WHAT THE TASK ASKS: Only one stretch of the data below is wanted: the lines starting at the one with "#20=IFCINDEXEDPOLYGONALFACE((1,33,69,37));" and ending at the one with "#41=IFCINDEXEDPOLYGONALFACE((20,22,58,56));", both included, given again exactly.

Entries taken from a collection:
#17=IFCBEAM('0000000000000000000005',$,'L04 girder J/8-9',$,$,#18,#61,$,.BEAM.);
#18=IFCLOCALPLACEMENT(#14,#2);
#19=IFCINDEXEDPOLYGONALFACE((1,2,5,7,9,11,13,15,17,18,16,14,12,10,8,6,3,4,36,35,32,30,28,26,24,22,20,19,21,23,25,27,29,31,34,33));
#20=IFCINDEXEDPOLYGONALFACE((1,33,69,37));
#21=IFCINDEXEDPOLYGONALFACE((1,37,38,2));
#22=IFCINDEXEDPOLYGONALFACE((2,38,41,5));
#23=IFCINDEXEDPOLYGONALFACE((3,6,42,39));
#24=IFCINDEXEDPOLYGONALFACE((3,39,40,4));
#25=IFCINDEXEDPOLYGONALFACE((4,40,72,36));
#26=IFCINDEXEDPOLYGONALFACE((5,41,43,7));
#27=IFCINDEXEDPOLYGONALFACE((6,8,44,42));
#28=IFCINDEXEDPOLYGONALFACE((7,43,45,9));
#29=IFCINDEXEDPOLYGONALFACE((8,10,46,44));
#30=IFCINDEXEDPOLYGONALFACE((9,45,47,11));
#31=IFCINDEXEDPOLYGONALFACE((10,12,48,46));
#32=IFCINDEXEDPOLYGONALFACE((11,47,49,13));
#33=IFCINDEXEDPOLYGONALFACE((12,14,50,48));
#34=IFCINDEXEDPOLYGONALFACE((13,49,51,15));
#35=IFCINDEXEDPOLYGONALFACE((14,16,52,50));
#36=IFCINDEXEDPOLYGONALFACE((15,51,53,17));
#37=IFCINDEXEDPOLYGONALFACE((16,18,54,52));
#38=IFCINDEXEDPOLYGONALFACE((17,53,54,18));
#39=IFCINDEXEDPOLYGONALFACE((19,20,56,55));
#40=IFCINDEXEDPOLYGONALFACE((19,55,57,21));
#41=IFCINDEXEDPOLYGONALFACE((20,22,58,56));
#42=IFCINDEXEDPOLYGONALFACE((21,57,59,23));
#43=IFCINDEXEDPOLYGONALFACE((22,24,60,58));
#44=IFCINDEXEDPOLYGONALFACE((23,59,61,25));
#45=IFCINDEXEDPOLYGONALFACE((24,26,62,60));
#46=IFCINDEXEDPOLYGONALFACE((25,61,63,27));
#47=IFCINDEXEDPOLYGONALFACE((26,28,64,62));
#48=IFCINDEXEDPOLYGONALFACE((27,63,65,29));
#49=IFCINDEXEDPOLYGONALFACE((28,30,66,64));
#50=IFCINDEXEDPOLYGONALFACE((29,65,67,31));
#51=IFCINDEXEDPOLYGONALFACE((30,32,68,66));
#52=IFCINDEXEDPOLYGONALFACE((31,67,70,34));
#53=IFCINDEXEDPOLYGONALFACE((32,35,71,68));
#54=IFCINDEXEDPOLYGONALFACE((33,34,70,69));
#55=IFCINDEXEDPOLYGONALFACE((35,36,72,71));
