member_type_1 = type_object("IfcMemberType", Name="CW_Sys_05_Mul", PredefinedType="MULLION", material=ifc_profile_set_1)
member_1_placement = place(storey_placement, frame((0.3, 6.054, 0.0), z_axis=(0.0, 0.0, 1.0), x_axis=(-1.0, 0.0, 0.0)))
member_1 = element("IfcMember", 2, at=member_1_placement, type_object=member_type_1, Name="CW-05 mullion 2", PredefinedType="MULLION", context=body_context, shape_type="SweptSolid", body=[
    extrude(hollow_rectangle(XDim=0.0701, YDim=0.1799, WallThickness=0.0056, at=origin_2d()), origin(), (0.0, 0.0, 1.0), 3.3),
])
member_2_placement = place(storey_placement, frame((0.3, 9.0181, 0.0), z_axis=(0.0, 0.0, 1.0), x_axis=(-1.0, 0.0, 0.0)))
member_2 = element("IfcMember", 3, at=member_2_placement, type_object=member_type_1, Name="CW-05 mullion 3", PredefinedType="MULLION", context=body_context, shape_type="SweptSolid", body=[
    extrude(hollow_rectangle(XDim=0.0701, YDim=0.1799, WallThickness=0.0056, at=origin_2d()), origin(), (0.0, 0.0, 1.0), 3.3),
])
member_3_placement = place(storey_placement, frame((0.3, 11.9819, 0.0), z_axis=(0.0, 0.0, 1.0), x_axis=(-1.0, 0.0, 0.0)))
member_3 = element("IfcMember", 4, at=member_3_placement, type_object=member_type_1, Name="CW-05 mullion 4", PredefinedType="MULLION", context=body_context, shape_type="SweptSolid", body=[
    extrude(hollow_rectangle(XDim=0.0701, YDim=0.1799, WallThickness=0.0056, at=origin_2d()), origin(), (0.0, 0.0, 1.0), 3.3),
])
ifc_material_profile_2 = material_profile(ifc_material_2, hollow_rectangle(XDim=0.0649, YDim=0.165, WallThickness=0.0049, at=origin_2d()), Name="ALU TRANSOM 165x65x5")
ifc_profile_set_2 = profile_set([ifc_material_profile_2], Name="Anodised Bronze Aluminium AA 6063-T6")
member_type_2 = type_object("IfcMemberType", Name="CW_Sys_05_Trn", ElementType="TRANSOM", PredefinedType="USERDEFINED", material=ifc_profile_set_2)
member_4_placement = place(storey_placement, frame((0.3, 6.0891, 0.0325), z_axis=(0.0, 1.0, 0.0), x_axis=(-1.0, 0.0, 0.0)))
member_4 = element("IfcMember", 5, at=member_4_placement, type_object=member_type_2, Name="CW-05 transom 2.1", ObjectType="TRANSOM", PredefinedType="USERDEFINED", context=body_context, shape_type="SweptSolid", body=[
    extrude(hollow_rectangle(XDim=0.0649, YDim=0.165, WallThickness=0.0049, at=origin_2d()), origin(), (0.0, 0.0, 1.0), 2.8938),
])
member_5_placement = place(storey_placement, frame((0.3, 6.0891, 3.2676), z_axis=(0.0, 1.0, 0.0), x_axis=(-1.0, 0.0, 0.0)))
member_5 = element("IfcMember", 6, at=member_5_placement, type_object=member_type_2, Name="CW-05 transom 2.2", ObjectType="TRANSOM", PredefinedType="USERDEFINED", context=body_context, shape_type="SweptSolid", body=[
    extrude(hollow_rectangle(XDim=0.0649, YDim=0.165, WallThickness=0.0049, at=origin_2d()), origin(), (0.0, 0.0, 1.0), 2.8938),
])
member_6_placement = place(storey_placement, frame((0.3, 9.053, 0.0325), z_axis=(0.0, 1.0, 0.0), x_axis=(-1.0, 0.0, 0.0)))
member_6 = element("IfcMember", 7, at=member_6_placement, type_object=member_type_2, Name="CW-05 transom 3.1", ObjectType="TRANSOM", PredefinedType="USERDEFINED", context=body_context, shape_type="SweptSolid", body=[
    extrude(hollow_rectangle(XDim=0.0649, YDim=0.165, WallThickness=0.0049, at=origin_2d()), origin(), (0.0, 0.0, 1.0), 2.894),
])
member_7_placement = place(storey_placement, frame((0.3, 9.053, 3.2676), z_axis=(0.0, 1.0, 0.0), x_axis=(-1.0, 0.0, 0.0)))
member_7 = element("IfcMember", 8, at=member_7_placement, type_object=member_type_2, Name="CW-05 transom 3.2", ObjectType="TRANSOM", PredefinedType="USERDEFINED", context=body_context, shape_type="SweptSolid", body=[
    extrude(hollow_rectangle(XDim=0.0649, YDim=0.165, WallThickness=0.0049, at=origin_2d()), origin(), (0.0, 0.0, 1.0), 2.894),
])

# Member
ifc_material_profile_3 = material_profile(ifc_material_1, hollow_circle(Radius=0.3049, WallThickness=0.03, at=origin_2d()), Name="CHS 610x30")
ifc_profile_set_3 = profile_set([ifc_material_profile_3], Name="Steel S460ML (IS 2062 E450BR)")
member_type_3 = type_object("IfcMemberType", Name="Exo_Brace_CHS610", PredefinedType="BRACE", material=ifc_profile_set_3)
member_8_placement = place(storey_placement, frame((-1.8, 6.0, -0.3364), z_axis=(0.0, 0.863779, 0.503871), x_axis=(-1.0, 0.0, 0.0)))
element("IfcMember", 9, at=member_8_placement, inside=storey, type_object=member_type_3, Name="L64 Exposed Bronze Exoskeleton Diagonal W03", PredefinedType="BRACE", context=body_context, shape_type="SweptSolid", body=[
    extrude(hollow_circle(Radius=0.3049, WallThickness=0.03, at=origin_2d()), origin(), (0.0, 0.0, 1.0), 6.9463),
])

RESPONSE TO THIS TASK:
#20=IFCINDEXEDPOLYGONALFACE((1,33,69,37));
#21=IFCINDEXEDPOLYGONALFACE((1,37,38,2));
#22=IFCINDEXEDPOLYGONALFACE((2,38,41,5));
#23=IFCINDEXEDPOLYGONALFACE((3,6,42,39));
#24=IFCINDEXEDPOLYGONALFACE((3,39,40,4));
#25=IFCINDEXEDPOLYGONALFACE((4,40,72,36));
#26=IFCINDEXEDPOLYGONALFACE((5,41,43,7));
#27=IFCINDEXEDPOLYGONALFACE((6,8,44,42));
#28=IFCINDEXEDPOLYGONALFACE((7,43,45,9));
#29=IFCINDEXEDPOLYGONALFACE((8,10,46,44));
#30=IFCINDEXEDPOLYGONALFACE((9,45,47,11));
#31=IFCINDEXEDPOLYGONALFACE((10,12,48,46));
#32=IFCINDEXEDPOLYGONALFACE((11,47,49,13));
#33=IFCINDEXEDPOLYGONALFACE((12,14,50,48));
#34=IFCINDEXEDPOLYGONALFACE((13,49,51,15));
#35=IFCINDEXEDPOLYGONALFACE((14,16,52,50));
#36=IFCINDEXEDPOLYGONALFACE((15,51,53,17));
#37=IFCINDEXEDPOLYGONALFACE((16,18,54,52));
#38=IFCINDEXEDPOLYGONALFACE((17,53,54,18));
#39=IFCINDEXEDPOLYGONALFACE((19,20,56,55));
#40=IFCINDEXEDPOLYGONALFACE((19,55,57,21));
#41=IFCINDEXEDPOLYGONALFACE((20,22,58,56));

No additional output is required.